┌──

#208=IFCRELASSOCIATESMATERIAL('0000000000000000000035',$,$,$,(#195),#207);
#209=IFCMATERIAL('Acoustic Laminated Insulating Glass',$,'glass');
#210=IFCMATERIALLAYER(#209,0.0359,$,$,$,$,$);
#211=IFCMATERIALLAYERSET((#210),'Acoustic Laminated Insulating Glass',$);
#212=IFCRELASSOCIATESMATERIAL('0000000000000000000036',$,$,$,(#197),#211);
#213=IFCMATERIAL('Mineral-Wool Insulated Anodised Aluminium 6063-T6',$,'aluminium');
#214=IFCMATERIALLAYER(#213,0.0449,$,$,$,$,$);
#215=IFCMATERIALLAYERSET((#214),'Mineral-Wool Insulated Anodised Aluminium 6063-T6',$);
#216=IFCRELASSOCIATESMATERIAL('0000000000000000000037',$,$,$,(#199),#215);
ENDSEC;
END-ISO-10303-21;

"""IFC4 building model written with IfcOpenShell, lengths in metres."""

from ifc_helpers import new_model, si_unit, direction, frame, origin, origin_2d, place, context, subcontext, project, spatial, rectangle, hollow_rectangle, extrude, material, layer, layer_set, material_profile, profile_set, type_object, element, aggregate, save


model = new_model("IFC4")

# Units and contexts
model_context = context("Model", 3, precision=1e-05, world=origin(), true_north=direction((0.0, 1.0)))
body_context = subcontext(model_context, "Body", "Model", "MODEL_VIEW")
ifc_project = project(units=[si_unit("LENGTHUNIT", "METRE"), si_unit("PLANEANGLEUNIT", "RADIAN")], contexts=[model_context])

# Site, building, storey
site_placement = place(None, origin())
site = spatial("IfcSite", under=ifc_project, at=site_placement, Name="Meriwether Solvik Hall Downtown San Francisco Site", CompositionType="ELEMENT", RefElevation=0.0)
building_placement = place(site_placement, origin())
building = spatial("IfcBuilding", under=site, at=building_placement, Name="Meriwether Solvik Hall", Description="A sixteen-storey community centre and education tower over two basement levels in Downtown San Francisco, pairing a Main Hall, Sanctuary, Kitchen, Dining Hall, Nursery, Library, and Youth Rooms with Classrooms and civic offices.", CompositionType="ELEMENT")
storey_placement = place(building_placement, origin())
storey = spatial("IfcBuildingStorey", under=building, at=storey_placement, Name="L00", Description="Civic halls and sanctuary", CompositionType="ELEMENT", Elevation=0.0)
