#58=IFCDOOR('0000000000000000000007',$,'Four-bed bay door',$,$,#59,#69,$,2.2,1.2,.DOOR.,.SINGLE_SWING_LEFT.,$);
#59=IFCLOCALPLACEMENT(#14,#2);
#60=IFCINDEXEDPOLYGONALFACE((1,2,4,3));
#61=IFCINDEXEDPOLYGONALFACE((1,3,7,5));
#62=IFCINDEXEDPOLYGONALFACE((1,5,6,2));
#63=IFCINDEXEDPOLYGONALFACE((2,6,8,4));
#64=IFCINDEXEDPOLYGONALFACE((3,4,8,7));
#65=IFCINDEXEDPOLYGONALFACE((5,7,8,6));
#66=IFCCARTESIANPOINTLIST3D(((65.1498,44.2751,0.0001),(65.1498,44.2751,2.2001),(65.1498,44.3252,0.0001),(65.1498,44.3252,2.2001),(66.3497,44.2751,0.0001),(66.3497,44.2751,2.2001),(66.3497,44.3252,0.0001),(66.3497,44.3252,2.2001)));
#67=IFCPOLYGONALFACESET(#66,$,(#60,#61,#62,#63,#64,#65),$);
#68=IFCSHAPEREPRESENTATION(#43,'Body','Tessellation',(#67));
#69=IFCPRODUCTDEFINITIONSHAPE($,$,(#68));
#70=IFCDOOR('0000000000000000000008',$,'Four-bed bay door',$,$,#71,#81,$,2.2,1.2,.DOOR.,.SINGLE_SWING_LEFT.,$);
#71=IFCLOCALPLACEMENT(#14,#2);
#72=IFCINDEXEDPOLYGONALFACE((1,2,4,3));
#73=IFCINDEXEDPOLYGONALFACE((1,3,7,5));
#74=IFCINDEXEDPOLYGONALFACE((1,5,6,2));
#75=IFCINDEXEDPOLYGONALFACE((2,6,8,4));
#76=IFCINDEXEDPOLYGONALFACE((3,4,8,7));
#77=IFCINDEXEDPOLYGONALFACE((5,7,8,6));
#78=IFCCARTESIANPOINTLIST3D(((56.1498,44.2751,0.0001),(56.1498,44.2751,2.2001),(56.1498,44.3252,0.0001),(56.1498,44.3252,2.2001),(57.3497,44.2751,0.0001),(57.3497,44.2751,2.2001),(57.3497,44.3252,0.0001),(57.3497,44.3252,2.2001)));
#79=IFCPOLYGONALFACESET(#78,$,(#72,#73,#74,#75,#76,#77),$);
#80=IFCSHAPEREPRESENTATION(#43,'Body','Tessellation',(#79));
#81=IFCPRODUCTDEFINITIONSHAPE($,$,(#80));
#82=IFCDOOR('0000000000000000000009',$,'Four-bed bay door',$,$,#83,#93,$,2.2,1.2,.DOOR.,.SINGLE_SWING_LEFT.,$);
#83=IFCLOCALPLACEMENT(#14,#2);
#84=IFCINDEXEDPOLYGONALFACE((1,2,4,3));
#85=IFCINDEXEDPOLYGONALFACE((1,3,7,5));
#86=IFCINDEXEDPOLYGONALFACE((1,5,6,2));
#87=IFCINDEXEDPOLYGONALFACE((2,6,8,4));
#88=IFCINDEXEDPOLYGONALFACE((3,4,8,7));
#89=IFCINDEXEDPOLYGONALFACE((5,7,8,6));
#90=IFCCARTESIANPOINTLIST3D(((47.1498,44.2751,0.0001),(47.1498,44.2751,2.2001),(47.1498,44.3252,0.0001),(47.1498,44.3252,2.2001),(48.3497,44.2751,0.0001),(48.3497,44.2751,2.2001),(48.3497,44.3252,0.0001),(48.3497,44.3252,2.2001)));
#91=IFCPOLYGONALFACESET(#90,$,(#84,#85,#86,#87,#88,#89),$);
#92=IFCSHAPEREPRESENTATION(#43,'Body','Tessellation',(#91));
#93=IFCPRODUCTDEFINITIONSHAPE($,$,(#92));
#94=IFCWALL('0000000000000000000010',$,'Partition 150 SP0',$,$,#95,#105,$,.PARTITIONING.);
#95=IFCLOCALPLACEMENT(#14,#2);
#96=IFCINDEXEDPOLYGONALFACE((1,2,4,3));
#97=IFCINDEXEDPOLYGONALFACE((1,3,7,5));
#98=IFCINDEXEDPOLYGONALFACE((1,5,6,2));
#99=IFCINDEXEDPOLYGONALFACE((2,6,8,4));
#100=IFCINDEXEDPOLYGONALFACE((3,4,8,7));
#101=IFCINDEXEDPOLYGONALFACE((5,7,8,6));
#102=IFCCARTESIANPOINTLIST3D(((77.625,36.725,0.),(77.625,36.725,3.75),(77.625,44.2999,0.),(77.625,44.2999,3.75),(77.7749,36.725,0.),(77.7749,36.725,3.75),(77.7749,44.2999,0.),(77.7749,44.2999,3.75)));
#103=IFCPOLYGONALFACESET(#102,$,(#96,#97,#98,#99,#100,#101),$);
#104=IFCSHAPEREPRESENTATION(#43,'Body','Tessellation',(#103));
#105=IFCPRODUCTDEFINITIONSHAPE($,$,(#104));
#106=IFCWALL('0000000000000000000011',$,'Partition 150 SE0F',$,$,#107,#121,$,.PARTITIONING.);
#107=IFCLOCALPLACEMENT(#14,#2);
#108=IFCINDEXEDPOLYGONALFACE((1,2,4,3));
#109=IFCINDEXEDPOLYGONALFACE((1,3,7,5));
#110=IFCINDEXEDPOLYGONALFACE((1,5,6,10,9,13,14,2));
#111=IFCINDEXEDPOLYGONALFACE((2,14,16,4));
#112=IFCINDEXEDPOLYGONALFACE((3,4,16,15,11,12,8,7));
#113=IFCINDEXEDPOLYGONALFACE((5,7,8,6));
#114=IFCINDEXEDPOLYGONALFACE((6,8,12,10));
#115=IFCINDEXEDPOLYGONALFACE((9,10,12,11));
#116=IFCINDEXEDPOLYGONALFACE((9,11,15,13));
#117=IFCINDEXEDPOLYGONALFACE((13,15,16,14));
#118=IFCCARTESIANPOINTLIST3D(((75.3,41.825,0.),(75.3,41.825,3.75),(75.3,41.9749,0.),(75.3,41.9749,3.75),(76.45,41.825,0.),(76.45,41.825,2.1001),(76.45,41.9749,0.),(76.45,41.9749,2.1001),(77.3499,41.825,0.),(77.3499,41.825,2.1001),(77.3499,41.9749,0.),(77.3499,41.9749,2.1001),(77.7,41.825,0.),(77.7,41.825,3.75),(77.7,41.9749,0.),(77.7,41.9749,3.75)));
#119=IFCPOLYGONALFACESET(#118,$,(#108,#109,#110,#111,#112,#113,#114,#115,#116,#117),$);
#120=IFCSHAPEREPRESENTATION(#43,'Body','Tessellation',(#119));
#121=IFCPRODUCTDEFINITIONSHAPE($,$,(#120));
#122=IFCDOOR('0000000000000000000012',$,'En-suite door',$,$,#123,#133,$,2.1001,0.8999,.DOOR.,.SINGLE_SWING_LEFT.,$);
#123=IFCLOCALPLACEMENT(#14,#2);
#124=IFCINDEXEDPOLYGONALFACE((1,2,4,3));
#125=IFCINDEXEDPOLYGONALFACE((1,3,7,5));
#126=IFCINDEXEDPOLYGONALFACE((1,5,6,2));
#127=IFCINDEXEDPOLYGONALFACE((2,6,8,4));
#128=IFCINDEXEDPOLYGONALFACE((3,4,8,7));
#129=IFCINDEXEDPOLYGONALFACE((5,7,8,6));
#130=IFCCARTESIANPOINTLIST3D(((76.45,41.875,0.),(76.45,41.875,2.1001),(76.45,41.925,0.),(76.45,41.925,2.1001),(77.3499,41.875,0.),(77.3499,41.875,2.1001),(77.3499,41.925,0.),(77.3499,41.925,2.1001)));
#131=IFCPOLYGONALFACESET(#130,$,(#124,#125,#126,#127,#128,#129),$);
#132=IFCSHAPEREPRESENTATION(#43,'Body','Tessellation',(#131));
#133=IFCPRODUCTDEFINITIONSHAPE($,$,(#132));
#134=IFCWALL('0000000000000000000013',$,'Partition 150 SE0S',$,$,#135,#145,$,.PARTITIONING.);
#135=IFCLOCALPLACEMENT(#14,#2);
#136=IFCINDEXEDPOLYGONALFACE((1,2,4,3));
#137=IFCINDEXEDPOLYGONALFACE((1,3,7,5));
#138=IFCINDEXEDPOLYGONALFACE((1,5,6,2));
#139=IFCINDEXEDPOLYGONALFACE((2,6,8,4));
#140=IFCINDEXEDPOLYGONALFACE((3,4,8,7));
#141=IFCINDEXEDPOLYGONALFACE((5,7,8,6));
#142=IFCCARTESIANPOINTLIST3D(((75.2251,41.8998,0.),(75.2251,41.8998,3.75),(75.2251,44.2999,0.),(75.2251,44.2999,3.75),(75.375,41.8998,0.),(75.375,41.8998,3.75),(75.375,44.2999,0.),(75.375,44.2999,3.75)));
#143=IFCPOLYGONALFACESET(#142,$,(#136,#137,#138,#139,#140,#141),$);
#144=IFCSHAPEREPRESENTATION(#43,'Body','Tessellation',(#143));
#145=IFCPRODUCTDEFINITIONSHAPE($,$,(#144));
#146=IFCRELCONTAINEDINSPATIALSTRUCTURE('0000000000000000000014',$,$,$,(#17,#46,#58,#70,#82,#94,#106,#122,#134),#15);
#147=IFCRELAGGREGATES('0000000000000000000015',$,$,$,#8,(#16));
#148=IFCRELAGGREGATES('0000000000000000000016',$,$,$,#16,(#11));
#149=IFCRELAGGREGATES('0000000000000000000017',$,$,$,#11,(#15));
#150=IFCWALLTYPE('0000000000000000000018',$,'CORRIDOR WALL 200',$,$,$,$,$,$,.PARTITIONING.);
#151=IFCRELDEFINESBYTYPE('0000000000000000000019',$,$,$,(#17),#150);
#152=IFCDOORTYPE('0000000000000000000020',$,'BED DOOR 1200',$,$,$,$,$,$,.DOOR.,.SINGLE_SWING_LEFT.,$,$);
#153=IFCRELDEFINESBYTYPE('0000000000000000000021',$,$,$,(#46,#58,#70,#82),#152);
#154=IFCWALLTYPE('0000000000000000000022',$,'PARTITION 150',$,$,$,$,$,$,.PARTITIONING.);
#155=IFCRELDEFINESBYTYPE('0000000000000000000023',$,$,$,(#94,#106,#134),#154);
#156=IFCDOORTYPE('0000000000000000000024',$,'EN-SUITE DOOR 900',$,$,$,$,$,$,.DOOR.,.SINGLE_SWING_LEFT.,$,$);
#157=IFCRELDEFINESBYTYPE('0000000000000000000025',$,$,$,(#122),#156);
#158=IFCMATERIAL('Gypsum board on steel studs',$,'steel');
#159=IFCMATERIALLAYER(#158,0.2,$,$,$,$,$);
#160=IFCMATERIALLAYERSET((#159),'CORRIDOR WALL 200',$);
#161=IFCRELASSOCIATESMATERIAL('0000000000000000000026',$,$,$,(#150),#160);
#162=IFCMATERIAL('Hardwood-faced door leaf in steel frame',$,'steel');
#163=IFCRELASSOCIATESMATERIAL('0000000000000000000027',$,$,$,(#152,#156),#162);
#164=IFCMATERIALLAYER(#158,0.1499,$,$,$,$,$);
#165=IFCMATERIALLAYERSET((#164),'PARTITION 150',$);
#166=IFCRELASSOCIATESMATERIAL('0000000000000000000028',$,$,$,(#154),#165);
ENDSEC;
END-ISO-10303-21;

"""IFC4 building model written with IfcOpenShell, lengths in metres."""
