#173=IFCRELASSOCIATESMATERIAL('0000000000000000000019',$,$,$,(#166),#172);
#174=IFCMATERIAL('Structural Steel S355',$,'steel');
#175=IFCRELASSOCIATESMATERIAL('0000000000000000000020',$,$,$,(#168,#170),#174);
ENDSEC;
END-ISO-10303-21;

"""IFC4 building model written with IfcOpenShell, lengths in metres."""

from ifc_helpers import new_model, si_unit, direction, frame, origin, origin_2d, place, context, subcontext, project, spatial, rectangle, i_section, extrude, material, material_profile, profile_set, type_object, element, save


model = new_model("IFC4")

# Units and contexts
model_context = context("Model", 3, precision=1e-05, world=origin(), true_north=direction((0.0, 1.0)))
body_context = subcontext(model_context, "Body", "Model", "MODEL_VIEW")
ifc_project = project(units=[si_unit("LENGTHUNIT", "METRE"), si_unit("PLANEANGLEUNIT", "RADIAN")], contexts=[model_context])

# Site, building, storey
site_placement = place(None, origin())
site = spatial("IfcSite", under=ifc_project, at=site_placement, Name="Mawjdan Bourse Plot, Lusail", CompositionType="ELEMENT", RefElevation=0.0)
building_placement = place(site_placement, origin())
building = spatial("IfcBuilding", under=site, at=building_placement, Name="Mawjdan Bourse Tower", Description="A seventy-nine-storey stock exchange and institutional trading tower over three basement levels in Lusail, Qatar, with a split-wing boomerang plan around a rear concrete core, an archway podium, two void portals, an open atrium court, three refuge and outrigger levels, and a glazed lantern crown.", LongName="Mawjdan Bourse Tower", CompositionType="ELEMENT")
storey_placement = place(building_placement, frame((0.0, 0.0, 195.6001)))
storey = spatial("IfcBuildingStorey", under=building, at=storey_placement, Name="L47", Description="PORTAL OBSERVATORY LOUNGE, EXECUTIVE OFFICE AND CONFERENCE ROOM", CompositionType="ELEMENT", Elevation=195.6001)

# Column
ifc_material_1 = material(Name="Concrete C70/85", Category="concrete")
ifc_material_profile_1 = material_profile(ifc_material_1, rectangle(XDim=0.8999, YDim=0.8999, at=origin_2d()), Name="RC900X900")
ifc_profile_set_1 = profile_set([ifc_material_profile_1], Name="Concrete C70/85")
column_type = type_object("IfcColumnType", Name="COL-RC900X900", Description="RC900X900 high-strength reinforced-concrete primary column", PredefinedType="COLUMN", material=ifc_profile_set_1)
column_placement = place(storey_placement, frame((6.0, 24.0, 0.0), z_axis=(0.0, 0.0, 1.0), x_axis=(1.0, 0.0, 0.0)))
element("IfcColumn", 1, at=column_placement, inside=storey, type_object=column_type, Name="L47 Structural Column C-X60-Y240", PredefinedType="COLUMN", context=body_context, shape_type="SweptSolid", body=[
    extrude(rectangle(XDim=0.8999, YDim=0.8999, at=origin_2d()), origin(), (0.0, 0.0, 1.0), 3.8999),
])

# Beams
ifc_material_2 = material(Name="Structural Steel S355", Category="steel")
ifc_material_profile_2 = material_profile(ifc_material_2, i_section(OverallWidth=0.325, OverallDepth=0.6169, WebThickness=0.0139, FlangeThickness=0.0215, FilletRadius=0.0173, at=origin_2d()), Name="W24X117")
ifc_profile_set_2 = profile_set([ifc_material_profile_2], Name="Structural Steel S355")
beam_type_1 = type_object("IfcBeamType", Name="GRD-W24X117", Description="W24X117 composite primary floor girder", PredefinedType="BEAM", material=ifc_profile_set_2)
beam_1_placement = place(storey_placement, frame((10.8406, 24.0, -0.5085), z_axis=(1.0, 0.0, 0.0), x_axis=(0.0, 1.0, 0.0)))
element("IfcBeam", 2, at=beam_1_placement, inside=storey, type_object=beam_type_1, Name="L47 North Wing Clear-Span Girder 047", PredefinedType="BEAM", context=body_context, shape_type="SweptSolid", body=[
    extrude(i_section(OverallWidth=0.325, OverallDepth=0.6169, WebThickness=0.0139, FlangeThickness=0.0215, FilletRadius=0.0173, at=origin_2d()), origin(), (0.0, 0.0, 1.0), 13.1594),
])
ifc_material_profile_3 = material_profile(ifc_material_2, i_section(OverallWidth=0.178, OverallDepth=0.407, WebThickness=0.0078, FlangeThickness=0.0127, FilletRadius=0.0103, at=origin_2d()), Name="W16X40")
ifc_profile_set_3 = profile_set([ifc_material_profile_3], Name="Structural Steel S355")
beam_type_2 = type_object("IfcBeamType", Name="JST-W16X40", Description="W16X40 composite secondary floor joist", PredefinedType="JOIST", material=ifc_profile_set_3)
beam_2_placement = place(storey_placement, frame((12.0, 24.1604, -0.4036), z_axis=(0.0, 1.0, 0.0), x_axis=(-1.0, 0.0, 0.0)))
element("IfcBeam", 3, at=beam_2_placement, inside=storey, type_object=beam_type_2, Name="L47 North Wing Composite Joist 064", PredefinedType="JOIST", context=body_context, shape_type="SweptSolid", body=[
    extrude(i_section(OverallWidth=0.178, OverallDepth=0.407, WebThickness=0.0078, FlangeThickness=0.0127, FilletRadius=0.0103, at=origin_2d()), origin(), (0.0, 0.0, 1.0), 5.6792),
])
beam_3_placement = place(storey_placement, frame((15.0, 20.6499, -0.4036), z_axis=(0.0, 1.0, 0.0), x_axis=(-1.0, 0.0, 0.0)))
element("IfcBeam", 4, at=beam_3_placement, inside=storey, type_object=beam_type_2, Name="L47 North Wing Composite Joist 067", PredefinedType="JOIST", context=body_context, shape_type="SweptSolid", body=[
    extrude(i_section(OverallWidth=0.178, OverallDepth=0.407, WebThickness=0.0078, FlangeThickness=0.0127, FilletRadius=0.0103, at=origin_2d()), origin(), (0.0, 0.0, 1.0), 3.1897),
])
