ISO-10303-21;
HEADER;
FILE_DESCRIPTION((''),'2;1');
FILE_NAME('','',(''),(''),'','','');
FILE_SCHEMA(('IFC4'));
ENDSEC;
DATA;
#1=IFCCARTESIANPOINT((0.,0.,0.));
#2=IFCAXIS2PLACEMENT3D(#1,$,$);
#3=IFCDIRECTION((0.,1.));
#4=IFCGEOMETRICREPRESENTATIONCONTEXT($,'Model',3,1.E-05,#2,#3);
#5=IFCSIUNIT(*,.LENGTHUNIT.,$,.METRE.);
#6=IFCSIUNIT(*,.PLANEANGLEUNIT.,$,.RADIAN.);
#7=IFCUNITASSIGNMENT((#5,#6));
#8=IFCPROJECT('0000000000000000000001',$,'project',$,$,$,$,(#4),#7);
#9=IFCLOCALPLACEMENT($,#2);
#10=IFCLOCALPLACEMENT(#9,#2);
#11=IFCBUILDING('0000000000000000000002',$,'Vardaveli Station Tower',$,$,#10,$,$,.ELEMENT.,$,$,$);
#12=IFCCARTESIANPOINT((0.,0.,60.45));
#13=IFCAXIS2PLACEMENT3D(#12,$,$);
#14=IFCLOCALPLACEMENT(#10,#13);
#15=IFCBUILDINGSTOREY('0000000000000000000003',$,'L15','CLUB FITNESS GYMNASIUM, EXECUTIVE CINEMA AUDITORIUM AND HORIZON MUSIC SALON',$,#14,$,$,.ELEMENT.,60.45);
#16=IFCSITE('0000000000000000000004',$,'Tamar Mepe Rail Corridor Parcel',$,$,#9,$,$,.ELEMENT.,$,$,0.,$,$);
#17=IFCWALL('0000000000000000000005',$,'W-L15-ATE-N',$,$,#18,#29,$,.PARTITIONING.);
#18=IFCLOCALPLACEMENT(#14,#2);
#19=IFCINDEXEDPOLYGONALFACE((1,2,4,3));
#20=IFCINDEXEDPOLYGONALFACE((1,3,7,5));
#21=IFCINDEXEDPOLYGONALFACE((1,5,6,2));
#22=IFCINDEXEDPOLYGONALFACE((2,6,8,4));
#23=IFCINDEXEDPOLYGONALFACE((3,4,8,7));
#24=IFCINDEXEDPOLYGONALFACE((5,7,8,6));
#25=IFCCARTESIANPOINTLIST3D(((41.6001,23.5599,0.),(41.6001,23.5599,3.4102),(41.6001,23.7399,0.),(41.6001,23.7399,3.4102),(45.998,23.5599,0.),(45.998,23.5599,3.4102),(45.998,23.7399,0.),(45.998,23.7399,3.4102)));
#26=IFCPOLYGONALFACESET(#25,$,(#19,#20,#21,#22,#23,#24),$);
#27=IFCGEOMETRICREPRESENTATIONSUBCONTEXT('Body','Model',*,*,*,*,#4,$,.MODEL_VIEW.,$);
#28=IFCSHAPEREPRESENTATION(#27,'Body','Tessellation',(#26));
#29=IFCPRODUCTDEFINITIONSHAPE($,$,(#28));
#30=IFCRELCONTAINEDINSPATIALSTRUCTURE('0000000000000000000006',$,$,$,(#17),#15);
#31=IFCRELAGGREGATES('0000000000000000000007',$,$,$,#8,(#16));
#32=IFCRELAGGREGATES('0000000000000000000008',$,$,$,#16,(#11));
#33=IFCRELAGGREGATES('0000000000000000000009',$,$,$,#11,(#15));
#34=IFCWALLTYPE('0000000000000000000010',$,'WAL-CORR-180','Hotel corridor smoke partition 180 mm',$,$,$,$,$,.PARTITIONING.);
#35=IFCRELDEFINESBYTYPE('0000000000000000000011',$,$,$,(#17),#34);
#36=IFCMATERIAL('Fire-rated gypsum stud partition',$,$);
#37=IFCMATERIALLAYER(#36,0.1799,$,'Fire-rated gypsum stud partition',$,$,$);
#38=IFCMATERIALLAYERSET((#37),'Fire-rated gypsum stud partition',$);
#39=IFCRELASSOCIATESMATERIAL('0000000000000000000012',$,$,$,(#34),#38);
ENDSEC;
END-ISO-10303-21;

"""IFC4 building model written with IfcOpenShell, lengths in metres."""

from ifc_helpers import new_model, si_unit, direction, frame, frame_2d, origin, place, context, subcontext, project, spatial, rectangle, extrude, source, transform, mapped, material, layer, layer_set, type_object, element, save


model = new_model("IFC4")

# Units and contexts
model_context = context("Model", 3, precision=1e-05, world=origin(), true_north=direction((0.0, 1.0)))
body_context = subcontext(model_context, "Body", "Model", "MODEL_VIEW")
ifc_project = project(units=[si_unit("LENGTHUNIT", "METRE"), si_unit("PLANEANGLEUNIT", "RADIAN")], contexts=[model_context])

# Site, building, storey
site_placement = place(None, origin())
site = spatial("IfcSite", under=ifc_project, at=site_placement, Name="Tamar Mepe Rail Corridor Parcel", CompositionType="ELEMENT", RefElevation=0.0)
building_placement = place(site_placement, origin())
building = spatial("IfcBuilding", under=site, at=building_placement, Name="Vardaveli Station Tower", CompositionType="ELEMENT")
storey_placement = place(building_placement, frame((0.0, 0.0, 60.45)))
storey = spatial("IfcBuildingStorey", under=building, at=storey_placement, Name="L15", Description="CLUB FITNESS GYMNASIUM, EXECUTIVE CINEMA AUDITORIUM AND HORIZON MUSIC SALON", CompositionType="ELEMENT", Elevation=60.45)

# Wall
ifc_material_1 = material(Name="Fire-rated gypsum stud partition")
ifc_layer_1 = layer(ifc_material_1, 0.1799, Name="Fire-rated gypsum stud partition")
ifc_layer_set_1 = layer_set([ifc_layer_1], Name="Fire-rated gypsum stud partition")
wall_type_1 = type_object("IfcWallType", Name="WAL-CORR-180", Description="Hotel corridor smoke partition 180 mm", PredefinedType="PARTITIONING", material=ifc_layer_set_1)
shared_shape_1 = source(origin(), body_context, "Body", "SweptSolid", [
    extrude(rectangle(XDim=4.3979, YDim=0.1799, at=frame_2d((2.199, 0.0))), origin(), (0.0, 0.0, 1.0), 3.4102),
])
wall_1_placement = place(storey_placement, frame((41.6001, 23.6499, 0.0), z_axis=(0.0, 0.0, 1.0), x_axis=(1.0, 0.0, 0.0)))
element("IfcWall", 1, at=wall_1_placement, inside=storey, type_object=wall_type_1, Name="W-L15-ATE-N", PredefinedType="PARTITIONING", context=body_context, shape_type="MappedRepresentation", body=[
    mapped(shared_shape_1, transform((0.0, 0.0, 0.0), scale=1.0)),
])

save(model, "model.ifc")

└──

**Problem statement:** Please go through the data above and copy each line that has the word "FlangeThickness".

**Answer to this problem:**
ifc_material_profile_2 = material_profile(ifc_material_2, i_section(OverallWidth=0.325, OverallDepth=0.6169, WebThickness=0.0139, FlangeThickness=0.0215, FilletRadius=0.0173, at=origin_2d()), Name="W24X117")
    extrude(i_section(OverallWidth=0.325, OverallDepth=0.6169, WebThickness=0.0139, FlangeThickness=0.0215, FilletRadius=0.0173, at=origin_2d()), origin(), (0.0, 0.0, 1.0), 13.1594),
ifc_material_profile_3 = material_profile(ifc_material_2, i_section(OverallWidth=0.178, OverallDepth=0.407, WebThickness=0.0078, FlangeThickness=0.0127, FilletRadius=0.0103, at=origin_2d()), Name="W16X40")
    extrude(i_section(OverallWidth=0.178, OverallDepth=0.407, WebThickness=0.0078, FlangeThickness=0.0127, FilletRadius=0.0103, at=origin_2d()), origin(), (0.0, 0.0, 1.0), 5.6792),
    extrude(i_section(OverallWidth=0.178, OverallDepth=0.407, WebThickness=0.0078, FlangeThickness=0.0127, FilletRadius=0.0103, at=origin_2d()), origin(), (0.0, 0.0, 1.0), 3.1897),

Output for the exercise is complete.